Goal of the exercise
In the records below, find the line that contains "#53=IFCPOLYGONALFACESET(#52,$,(#46,#47,#48,#49,#50,#51),$);" and the line that contains "#70=IFCRELAGGREGATES('0000000000000000000012',$,$,$,#8,(#16));". Set down exactly those lines and every line between them, and nothing more.

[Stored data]
□ □ □ □ □ □ □
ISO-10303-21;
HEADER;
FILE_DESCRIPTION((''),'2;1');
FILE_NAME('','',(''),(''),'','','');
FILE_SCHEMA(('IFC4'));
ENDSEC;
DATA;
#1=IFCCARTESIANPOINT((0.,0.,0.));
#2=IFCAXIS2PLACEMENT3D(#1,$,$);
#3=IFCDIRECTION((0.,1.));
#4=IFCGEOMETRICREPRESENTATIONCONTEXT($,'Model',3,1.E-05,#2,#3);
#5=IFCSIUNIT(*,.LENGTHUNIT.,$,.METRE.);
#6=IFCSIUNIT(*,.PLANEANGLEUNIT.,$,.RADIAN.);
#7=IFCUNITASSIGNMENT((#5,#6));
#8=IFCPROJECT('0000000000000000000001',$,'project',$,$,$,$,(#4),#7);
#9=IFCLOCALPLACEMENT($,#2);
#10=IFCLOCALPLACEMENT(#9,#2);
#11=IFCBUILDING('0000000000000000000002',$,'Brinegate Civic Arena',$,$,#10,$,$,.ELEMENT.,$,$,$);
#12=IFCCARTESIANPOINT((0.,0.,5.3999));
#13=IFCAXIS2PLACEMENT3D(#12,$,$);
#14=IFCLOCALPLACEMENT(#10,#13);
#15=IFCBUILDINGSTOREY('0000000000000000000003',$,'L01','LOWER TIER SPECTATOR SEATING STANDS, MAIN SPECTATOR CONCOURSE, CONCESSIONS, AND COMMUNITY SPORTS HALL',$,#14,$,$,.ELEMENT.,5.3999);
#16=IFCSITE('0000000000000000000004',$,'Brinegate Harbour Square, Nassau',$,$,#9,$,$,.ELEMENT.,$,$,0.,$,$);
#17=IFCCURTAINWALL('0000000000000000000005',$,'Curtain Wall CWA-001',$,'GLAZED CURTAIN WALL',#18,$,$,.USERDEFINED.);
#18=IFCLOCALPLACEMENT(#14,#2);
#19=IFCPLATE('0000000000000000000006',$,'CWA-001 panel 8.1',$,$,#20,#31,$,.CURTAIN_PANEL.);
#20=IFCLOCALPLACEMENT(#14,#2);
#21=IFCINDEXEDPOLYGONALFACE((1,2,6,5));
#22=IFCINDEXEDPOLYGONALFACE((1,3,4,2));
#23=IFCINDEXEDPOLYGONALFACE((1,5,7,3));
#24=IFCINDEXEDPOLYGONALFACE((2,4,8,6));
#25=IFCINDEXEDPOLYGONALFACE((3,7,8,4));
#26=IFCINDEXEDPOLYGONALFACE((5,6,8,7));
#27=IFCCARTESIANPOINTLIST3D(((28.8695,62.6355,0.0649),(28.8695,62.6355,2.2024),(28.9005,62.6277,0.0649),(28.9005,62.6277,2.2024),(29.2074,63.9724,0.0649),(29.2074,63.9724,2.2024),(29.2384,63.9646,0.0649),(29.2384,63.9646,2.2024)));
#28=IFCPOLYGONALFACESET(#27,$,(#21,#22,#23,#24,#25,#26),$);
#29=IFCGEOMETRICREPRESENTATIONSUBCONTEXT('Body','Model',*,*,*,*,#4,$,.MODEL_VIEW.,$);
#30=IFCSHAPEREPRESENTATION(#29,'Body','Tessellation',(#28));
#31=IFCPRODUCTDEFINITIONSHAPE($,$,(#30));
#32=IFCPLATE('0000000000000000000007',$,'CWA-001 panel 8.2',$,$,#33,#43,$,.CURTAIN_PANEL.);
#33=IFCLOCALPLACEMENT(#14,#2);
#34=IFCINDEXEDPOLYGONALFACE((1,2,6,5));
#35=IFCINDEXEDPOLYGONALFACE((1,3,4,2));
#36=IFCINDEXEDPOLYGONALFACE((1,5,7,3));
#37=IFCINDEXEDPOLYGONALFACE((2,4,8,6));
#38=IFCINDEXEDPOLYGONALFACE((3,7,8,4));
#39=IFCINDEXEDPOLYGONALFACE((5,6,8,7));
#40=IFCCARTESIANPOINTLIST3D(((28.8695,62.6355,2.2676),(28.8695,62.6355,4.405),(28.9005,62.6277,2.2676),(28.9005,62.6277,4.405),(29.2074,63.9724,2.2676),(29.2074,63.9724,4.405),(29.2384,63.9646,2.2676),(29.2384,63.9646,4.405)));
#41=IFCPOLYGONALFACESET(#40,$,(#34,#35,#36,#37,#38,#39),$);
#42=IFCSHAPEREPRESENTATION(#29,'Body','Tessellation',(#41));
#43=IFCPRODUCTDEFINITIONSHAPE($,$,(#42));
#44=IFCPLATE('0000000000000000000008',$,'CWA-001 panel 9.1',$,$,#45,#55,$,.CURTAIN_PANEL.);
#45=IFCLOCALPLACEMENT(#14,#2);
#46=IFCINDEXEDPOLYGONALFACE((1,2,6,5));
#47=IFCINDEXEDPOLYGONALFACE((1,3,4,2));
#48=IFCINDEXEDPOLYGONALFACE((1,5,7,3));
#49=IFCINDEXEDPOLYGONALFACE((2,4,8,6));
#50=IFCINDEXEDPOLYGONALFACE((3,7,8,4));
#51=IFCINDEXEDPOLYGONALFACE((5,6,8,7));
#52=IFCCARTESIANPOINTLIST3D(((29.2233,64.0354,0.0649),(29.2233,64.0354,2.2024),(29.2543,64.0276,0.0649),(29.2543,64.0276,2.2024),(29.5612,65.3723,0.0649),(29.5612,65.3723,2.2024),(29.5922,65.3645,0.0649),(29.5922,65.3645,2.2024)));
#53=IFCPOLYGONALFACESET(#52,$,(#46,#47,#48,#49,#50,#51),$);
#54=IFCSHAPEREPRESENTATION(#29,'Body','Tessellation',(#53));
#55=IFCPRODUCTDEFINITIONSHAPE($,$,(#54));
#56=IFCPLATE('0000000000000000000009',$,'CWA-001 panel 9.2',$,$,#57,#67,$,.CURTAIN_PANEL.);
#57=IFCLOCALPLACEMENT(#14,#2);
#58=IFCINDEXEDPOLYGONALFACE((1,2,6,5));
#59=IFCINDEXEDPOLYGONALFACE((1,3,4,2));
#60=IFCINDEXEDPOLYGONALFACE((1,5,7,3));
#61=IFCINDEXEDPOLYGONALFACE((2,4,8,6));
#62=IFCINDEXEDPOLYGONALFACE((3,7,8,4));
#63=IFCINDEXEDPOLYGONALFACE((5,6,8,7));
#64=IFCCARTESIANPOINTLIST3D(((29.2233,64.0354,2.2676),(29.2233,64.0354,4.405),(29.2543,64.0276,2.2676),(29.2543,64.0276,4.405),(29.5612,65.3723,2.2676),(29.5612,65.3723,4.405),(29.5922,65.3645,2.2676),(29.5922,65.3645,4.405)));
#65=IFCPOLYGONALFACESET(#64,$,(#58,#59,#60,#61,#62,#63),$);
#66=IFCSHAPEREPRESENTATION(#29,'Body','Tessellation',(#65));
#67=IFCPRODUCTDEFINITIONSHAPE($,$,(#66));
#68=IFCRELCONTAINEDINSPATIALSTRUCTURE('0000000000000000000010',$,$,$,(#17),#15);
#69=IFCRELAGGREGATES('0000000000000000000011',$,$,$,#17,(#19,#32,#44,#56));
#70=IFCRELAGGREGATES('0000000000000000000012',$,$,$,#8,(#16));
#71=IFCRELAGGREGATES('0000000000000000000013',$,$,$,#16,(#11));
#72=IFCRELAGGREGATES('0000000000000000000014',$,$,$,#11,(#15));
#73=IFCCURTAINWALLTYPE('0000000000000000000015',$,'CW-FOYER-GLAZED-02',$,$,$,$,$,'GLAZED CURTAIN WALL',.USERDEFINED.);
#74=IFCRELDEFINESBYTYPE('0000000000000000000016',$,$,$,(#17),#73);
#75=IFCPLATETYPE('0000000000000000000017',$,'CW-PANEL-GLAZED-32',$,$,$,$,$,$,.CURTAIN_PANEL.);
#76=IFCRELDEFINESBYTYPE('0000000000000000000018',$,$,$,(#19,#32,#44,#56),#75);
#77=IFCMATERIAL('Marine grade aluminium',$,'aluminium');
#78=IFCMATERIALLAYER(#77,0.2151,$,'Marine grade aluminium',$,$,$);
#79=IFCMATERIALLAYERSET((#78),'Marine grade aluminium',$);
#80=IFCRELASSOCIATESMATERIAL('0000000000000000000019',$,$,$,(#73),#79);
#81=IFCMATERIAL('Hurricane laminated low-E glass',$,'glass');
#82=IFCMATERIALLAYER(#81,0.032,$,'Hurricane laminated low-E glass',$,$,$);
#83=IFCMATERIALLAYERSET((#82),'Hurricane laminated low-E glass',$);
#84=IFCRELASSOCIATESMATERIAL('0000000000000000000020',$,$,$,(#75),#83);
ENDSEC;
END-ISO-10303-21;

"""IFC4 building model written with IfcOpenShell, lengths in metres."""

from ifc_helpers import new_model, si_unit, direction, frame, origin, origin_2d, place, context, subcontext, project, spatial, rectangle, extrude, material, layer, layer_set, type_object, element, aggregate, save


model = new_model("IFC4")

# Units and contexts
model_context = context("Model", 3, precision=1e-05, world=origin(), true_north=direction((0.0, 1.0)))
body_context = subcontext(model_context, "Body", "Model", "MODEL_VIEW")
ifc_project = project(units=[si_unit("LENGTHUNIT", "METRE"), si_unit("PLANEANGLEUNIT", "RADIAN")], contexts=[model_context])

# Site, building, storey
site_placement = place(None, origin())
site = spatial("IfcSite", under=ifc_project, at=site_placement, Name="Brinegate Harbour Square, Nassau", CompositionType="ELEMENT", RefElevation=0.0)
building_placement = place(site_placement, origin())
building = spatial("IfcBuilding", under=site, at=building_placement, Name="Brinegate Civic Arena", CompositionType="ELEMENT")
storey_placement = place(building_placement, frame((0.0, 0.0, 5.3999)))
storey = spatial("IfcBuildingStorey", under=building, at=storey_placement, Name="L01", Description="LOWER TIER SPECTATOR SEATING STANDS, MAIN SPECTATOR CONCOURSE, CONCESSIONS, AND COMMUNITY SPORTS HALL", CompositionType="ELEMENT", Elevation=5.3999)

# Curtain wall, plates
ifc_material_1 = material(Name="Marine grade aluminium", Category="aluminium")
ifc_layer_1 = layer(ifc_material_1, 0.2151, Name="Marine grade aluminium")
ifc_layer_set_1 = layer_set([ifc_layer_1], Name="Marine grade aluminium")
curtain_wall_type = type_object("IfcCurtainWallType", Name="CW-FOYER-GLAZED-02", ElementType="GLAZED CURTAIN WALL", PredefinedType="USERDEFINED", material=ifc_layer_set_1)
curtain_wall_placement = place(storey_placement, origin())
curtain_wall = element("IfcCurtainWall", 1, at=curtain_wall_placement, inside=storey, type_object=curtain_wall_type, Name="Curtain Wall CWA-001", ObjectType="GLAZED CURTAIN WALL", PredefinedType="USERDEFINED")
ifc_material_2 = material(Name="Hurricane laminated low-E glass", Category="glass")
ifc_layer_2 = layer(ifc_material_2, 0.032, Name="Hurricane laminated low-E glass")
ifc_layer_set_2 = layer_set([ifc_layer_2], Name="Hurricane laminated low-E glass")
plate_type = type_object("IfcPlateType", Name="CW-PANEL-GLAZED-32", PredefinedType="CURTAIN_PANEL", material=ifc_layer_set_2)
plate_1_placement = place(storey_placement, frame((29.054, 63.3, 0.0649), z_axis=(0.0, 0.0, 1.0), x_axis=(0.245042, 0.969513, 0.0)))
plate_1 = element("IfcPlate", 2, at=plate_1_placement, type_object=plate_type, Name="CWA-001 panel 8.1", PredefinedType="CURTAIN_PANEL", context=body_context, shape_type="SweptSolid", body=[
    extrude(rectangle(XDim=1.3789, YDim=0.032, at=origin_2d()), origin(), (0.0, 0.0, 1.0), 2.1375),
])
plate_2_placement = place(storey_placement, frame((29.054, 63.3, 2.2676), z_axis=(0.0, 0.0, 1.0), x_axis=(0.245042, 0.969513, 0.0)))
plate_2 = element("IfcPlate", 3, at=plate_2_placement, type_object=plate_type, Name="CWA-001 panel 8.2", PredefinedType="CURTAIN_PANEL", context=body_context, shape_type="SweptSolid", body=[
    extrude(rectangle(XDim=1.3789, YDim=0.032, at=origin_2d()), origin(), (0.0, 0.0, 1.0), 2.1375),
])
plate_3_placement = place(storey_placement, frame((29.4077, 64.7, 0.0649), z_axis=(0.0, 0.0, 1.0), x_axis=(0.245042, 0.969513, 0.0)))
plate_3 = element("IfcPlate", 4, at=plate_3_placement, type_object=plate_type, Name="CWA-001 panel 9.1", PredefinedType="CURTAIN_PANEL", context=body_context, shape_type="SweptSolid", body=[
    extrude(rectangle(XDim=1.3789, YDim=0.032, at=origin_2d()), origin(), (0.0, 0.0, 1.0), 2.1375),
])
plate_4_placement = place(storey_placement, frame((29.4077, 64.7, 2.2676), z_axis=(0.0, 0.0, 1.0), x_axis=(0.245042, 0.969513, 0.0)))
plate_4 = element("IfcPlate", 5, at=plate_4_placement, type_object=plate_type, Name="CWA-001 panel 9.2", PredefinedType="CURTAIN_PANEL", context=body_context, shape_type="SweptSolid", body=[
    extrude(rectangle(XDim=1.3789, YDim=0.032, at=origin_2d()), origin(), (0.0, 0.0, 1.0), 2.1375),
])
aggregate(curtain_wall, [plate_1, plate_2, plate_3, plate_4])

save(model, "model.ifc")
□ □ □ □ □ □ □
Exercise solution
#53=IFCPOLYGONALFACESET(#52,$,(#46,#47,#48,#49,#50,#51),$);
#54=IFCSHAPEREPRESENTATION(#29,'Body','Tessellation',(#53));
#55=IFCPRODUCTDEFINITIONSHAPE($,$,(#54));
#56=IFCPLATE('0000000000000000000009',$,'CWA-001 panel 9.2',$,$,#57,#67,$,.CURTAIN_PANEL.);
#57=IFCLOCALPLACEMENT(#14,#2);
#58=IFCINDEXEDPOLYGONALFACE((1,2,6,5));
#59=IFCINDEXEDPOLYGONALFACE((1,3,4,2));
#60=IFCINDEXEDPOLYGONALFACE((1,5,7,3));
#61=IFCINDEXEDPOLYGONALFACE((2,4,8,6));
#62=IFCINDEXEDPOLYGONALFACE((3,7,8,4));
#63=IFCINDEXEDPOLYGONALFACE((5,6,8,7));
#64=IFCCARTESIANPOINTLIST3D(((29.2233,64.0354,2.2676),(29.2233,64.0354,4.405),(29.2543,64.0276,2.2676),(29.2543,64.0276,4.405),(29.5612,65.3723,2.2676),(29.5612,65.3723,4.405),(29.5922,65.3645,2.2676),(29.5922,65.3645,4.405)));
#65=IFCPOLYGONALFACESET(#64,$,(#58,#59,#60,#61,#62,#63),$);
#66=IFCSHAPEREPRESENTATION(#29,'Body','Tessellation',(#65));
#67=IFCPRODUCTDEFINITIONSHAPE($,$,(#66));
#68=IFCRELCONTAINEDINSPATIALSTRUCTURE('0000000000000000000010',$,$,$,(#17),#15);
#69=IFCRELAGGREGATES('0000000000000000000011',$,$,$,#17,(#19,#32,#44,#56));
#70=IFCRELAGGREGATES('0000000000000000000012',$,$,$,#8,(#16));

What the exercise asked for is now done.